__Exercise brief__
Your answer must be a single number: how many lines in the records below contain the word "IFCBEAMTYPE".

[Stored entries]
###

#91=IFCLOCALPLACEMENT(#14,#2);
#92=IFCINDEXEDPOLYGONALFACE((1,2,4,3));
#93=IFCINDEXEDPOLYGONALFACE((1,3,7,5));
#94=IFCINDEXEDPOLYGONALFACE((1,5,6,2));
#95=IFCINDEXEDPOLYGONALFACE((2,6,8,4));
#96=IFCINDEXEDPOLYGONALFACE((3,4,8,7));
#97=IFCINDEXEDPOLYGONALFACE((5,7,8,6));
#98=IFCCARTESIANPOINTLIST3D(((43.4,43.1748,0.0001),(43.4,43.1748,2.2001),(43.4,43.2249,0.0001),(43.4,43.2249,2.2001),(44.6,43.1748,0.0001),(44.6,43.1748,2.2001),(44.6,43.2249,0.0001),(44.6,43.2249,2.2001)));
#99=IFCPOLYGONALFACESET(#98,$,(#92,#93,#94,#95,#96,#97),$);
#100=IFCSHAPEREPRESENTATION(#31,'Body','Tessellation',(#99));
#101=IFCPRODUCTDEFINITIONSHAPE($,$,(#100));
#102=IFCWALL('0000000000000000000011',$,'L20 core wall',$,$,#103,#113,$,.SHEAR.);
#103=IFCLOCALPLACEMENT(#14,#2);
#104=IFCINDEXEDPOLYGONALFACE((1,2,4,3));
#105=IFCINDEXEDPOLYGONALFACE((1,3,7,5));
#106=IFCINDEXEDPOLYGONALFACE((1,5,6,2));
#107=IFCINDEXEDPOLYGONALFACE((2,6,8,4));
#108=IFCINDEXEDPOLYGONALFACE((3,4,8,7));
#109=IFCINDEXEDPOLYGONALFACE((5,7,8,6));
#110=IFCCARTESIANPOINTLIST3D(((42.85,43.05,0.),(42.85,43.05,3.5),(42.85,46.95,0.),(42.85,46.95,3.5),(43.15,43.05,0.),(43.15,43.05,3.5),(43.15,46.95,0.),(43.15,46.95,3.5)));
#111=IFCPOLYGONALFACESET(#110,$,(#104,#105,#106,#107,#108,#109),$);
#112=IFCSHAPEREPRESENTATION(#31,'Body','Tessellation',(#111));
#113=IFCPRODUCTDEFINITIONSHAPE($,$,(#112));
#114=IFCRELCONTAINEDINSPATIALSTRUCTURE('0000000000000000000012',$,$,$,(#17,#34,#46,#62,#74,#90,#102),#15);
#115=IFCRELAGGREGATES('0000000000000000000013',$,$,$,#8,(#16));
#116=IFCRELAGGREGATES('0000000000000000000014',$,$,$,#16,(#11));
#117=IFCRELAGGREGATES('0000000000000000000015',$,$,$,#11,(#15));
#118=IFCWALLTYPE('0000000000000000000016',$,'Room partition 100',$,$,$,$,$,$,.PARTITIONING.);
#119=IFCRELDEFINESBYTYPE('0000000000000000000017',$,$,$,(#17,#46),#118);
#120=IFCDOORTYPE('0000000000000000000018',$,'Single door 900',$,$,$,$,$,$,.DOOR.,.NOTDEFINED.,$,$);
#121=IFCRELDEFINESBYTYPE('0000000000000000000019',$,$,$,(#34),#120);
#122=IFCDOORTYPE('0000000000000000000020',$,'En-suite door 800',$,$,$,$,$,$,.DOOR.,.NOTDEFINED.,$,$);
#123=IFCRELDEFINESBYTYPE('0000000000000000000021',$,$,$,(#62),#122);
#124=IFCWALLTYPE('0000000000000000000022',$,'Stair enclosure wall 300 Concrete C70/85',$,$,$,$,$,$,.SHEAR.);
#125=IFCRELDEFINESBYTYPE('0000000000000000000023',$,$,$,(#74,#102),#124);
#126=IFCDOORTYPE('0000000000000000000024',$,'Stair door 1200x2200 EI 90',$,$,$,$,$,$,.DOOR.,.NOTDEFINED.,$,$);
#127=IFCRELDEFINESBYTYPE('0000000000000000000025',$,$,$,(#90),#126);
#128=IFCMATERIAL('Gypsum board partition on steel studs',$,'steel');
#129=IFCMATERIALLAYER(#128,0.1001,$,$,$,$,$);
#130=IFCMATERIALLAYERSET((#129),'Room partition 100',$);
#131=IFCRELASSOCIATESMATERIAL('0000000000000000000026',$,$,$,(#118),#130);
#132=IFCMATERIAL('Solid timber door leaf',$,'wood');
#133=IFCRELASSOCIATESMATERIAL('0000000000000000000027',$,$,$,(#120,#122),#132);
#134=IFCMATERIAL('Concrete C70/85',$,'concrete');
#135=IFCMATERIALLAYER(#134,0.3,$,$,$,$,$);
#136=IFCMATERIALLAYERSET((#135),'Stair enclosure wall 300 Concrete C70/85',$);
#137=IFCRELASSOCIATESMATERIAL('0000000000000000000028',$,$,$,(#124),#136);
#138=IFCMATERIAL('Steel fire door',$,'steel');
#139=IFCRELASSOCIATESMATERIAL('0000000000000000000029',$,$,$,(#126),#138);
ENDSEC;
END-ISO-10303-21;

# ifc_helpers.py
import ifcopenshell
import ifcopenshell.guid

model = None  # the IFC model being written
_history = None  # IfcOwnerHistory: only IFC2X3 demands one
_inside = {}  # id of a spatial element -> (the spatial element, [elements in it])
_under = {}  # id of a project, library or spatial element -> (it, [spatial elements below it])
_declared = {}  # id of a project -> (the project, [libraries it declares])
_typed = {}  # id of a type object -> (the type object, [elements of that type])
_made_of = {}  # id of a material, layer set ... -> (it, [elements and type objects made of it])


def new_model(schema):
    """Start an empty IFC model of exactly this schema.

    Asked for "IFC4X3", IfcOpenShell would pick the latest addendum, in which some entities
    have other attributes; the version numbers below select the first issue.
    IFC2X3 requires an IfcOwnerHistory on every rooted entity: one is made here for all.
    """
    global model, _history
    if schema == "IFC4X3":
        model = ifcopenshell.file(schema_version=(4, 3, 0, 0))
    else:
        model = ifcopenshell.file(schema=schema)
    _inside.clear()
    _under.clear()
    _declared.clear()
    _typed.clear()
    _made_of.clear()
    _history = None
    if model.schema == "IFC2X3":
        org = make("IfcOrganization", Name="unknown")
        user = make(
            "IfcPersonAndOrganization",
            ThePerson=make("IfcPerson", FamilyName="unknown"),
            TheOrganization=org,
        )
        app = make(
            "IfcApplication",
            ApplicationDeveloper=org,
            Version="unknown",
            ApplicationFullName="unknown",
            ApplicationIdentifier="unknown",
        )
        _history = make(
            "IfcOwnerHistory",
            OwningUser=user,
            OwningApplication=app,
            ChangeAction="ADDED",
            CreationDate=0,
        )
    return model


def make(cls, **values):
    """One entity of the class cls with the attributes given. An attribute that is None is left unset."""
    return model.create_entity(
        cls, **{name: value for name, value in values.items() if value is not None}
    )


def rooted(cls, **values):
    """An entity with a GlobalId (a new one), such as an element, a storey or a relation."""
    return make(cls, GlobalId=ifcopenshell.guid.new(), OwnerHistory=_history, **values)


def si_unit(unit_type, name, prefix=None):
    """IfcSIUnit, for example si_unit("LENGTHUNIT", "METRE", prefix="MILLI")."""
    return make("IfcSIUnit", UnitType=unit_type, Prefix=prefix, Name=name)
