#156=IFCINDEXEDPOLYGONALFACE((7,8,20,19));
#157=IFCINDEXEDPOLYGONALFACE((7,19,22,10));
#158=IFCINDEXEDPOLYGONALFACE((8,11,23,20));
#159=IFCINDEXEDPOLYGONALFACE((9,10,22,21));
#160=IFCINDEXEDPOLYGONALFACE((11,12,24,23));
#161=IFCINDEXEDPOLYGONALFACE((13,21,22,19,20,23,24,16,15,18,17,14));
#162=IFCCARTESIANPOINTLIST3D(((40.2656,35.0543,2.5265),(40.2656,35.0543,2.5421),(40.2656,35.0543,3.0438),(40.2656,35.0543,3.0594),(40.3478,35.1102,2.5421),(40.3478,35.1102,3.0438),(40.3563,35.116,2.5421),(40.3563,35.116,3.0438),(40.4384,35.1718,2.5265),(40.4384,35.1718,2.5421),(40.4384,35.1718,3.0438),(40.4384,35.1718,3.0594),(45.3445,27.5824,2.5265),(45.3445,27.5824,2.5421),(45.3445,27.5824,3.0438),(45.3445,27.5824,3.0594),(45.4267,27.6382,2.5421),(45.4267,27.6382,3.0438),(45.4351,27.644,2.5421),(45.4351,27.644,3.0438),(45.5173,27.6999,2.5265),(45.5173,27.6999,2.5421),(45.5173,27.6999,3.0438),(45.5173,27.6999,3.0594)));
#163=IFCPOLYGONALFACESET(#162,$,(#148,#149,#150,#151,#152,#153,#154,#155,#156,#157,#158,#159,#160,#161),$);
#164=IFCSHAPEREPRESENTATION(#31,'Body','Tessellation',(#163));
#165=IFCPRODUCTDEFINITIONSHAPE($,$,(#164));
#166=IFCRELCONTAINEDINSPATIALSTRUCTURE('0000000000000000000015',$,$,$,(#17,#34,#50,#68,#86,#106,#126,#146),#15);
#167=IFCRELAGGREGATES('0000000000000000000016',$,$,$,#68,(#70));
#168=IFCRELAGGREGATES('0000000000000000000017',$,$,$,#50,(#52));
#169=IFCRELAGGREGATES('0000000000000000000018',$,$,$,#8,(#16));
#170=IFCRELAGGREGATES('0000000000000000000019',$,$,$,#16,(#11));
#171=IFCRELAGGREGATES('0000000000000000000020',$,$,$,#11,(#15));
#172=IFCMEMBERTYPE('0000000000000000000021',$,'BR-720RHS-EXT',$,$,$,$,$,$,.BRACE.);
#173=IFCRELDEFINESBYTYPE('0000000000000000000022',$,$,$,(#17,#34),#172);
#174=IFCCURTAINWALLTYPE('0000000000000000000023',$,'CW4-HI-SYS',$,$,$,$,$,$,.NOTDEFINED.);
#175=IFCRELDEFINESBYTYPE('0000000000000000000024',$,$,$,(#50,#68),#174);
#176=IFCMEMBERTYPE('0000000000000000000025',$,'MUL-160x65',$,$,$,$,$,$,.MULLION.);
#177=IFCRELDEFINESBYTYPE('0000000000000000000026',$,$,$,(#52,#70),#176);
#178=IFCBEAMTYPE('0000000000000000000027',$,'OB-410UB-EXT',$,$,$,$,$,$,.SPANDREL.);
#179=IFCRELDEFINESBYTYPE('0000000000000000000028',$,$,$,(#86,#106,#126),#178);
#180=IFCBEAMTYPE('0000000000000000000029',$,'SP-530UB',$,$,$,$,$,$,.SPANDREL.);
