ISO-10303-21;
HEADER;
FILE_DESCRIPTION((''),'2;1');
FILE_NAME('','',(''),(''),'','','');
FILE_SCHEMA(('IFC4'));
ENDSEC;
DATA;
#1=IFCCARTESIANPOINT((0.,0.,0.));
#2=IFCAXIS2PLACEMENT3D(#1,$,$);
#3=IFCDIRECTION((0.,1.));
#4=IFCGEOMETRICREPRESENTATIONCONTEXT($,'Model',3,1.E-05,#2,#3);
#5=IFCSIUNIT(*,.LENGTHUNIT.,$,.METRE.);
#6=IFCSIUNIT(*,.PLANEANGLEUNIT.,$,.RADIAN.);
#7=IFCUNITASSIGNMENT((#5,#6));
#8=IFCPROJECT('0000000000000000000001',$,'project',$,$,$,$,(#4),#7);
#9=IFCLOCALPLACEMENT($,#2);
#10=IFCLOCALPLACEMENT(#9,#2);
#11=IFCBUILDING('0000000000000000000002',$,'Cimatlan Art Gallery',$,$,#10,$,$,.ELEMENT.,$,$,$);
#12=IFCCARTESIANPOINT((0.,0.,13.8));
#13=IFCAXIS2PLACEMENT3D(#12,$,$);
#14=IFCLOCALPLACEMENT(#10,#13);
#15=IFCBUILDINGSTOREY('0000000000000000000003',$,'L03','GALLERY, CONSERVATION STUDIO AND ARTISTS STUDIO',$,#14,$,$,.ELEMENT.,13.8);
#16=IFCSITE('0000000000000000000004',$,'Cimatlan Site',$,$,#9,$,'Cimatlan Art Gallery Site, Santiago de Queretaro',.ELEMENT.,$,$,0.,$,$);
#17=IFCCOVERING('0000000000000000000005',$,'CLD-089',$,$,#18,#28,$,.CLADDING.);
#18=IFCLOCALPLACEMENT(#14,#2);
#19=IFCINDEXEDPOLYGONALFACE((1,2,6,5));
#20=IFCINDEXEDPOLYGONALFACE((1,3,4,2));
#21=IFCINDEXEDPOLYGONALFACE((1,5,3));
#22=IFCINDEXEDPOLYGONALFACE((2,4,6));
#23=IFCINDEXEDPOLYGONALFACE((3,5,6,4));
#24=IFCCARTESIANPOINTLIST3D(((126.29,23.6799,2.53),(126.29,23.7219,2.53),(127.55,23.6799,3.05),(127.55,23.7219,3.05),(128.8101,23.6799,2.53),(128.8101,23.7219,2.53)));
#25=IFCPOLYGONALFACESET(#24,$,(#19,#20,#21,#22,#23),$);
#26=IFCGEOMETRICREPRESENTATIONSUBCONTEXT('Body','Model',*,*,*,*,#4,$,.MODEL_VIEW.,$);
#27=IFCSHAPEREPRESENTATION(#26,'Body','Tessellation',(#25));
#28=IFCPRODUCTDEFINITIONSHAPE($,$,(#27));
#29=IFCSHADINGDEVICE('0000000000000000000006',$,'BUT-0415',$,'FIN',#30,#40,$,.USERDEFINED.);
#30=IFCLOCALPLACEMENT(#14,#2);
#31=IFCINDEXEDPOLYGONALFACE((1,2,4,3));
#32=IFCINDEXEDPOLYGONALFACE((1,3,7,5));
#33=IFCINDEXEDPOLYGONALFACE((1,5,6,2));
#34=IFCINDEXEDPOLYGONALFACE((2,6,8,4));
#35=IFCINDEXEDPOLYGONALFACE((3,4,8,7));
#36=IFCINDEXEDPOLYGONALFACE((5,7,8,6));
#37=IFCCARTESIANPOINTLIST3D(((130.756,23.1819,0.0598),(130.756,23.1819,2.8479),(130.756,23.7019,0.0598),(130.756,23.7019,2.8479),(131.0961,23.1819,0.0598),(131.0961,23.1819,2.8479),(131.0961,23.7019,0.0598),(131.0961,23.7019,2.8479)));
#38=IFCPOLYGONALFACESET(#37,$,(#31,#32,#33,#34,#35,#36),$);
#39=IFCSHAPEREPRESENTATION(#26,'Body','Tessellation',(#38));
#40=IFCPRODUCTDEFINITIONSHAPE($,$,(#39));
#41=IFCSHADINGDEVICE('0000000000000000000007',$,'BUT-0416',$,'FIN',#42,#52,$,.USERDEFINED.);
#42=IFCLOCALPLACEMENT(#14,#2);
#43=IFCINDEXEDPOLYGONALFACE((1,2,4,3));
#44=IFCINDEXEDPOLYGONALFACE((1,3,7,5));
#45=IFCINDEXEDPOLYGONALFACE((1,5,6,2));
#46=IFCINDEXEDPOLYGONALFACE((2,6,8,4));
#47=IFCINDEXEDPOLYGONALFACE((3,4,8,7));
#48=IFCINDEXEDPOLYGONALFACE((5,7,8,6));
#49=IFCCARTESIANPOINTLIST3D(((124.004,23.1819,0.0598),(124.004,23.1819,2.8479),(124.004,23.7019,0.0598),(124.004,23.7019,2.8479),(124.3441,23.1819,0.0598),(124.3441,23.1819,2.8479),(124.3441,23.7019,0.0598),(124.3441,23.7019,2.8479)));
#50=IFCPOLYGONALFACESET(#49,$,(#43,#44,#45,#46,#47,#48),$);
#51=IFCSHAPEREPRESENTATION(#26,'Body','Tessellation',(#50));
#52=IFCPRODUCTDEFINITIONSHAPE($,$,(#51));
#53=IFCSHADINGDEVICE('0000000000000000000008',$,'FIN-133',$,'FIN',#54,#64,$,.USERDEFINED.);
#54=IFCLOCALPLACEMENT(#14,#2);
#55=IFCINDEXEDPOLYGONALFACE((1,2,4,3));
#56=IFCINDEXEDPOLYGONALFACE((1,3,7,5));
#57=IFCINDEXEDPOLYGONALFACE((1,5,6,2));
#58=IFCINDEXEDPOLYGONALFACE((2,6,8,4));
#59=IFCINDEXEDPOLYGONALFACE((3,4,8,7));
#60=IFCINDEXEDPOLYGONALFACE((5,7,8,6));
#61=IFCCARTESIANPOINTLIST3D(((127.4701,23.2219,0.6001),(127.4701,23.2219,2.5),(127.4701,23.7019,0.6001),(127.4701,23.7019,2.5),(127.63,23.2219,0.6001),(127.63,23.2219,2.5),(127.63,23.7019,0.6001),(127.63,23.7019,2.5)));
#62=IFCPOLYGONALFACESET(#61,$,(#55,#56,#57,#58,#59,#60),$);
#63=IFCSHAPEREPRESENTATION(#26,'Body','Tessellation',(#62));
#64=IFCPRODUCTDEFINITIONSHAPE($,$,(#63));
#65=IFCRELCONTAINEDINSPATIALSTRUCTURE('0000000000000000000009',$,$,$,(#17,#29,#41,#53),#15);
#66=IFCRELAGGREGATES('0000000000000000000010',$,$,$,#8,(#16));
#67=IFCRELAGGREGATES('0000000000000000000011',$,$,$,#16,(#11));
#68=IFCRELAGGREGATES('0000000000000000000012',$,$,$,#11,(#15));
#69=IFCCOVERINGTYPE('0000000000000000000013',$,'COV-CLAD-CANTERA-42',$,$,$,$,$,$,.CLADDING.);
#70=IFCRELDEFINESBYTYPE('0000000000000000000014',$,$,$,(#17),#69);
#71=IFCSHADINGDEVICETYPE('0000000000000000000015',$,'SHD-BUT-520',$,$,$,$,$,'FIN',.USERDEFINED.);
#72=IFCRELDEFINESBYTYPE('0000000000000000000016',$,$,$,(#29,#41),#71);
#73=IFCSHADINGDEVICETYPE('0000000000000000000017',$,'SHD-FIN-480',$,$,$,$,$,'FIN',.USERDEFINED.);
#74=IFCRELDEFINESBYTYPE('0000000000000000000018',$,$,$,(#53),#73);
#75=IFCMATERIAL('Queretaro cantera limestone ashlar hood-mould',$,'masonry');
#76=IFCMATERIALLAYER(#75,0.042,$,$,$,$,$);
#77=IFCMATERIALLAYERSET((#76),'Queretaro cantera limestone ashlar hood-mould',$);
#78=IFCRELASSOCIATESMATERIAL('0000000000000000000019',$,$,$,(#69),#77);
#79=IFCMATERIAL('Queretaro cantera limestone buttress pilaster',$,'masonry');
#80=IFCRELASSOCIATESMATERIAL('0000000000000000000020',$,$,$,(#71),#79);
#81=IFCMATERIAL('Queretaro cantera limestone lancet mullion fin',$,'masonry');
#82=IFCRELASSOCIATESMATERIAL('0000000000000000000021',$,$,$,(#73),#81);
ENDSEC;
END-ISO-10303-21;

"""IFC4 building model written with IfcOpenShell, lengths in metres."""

from ifc_helpers import new_model, si_unit, direction, frame, origin, origin_2d, place, context, subcontext, project, spatial, polyline, rectangle, outline, extrude, material, layer, layer_set, type_object, element, save


model = new_model("IFC4")

# Units and contexts
model_context = context("Model", 3, precision=1e-05, world=origin(), true_north=direction((0.0, 1.0)))
body_context = subcontext(model_context, "Body", "Model", "MODEL_VIEW")
ifc_project = project(units=[si_unit("LENGTHUNIT", "METRE"), si_unit("PLANEANGLEUNIT", "RADIAN")], contexts=[model_context])

# Site, building, storey
site_placement = place(None, origin())
site = spatial("IfcSite", under=ifc_project, at=site_placement, Name="Cimatlan Site", LongName="Cimatlan Art Gallery Site, Santiago de Queretaro", CompositionType="ELEMENT", RefElevation=0.0)
building_placement = place(site_placement, origin())
building = spatial("IfcBuilding", under=site, at=building_placement, Name="Cimatlan Art Gallery", CompositionType="ELEMENT")
storey_placement = place(building_placement, frame((0.0, 0.0, 13.8)))
storey = spatial("IfcBuildingStorey", under=building, at=storey_placement, Name="L03", Description="GALLERY, CONSERVATION STUDIO AND ARTISTS STUDIO", CompositionType="ELEMENT", Elevation=13.8)

# Covering
ifc_material_1 = material(Name="Queretaro cantera limestone ashlar hood-mould", Category="masonry")
ifc_layer_1 = layer(ifc_material_1, 0.042)
ifc_layer_set_1 = layer_set([ifc_layer_1], Name="Queretaro cantera limestone ashlar hood-mould")
covering_type = type_object("IfcCoveringType", Name="COV-CLAD-CANTERA-42", PredefinedType="CLADDING", material=ifc_layer_set_1)
covering_placement = place(storey_placement, frame((128.8101, 23.7219, 2.53), z_axis=(0.0, 1.0, 0.0), x_axis=(-1.0, 0.0, 0.0)))
element("IfcCovering", 1, at=covering_placement, inside=storey, type_object=covering_type, Name="CLD-089", PredefinedType="CLADDING", context=body_context, shape_type="SweptSolid", body=[
    extrude(outline(polyline([(0.0, 0.0), (2.52, 0.0), (1.26, 0.52), (0.0, 0.0)])), origin(), (0.0, 0.0, -1.0), 0.042),
])

# Shading devices
ifc_material_2 = material(Name="Queretaro cantera limestone buttress pilaster", Category="masonry")
shading_device_type_1 = type_object("IfcShadingDeviceType", Name="SHD-BUT-520", ElementType="FIN", PredefinedType="USERDEFINED", material=ifc_material_2)
for number, where, z_axis, x_axis, name in (
    (2, (130.926, 23.4419, 0.0598), (0.0, 0.0, 1.0), (-1.0, 0.0, 0.0), "BUT-0415"),
    (3, (124.1741, 23.4419, 0.0598), (0.0, 0.0, 1.0), (-1.0, 0.0, 0.0), "BUT-0416"),
):
    element("IfcShadingDevice", number, at=place(storey_placement, frame(where, z_axis=z_axis, x_axis=x_axis)), inside=storey, type_object=shading_device_type_1, Name=name, ObjectType="FIN", PredefinedType="USERDEFINED", context=body_context, shape_type="SweptSolid", body=[
        extrude(rectangle(XDim=0.3401, YDim=0.52, at=origin_2d()), origin(), (0.0, 0.0, 1.0), 2.7881),
    ])
ifc_material_3 = material(Name="Queretaro cantera limestone lancet mullion fin", Category="masonry")
shading_device_type_2 = type_object("IfcShadingDeviceType", Name="SHD-FIN-480", ElementType="FIN", PredefinedType="USERDEFINED", material=ifc_material_3)
shading_device_placement = place(storey_placement, frame((127.55, 23.4619, 0.6001), z_axis=(0.0, 0.0, 1.0), x_axis=(-1.0, 0.0, 0.0)))
element("IfcShadingDevice", 4, at=shading_device_placement, inside=storey, type_object=shading_device_type_2, Name="FIN-133", ObjectType="FIN", PredefinedType="USERDEFINED", context=body_context, shape_type="SweptSolid", body=[
    extrude(rectangle(XDim=0.1599, YDim=0.48, at=origin_2d()), origin(), (0.0, 0.0, 1.0), 1.8999),
])

save(model, "model.ifc")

###

__Exercise output__
2